### [WORK REQUEST]
Pull out each line of the data that includes the word "path".

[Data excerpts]
=-=-=

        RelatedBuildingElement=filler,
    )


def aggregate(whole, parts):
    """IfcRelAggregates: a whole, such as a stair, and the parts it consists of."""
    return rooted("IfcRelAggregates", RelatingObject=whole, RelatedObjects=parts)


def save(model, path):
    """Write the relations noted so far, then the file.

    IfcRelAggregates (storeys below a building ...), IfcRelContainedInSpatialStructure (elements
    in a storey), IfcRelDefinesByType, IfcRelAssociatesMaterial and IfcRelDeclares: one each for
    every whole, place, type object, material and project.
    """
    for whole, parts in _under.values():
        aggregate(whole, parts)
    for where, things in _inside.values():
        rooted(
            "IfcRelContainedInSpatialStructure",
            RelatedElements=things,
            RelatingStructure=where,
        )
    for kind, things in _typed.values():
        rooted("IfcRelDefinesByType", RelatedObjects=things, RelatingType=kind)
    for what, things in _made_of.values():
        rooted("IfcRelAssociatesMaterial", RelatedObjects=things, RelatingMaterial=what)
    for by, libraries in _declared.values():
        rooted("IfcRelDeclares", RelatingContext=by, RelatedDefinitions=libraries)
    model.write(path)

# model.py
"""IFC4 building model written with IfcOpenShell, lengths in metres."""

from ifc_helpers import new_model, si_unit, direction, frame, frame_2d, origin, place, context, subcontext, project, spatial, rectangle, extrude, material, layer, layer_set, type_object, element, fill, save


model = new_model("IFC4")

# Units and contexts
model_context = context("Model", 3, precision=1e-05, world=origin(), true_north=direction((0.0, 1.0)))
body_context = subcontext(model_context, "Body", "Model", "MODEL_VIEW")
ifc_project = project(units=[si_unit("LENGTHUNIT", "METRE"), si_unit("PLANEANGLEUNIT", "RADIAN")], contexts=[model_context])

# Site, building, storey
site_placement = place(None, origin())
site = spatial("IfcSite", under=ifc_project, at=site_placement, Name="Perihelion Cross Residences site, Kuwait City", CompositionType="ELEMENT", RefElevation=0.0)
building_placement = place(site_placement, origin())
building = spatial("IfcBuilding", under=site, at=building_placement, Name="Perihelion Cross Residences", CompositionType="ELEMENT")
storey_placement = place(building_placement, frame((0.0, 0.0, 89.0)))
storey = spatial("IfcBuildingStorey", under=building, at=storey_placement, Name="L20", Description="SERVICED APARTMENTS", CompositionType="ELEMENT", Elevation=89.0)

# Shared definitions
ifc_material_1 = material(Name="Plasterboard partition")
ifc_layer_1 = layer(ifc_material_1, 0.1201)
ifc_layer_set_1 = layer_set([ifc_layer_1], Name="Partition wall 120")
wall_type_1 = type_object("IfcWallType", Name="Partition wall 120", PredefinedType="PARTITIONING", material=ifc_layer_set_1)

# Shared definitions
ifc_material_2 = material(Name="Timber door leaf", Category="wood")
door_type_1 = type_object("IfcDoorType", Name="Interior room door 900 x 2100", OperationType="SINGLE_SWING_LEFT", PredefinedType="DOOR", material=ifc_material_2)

=-=-=

### [SOLUTION FOR THIS TASK]
def save(model, path):
    model.write(path)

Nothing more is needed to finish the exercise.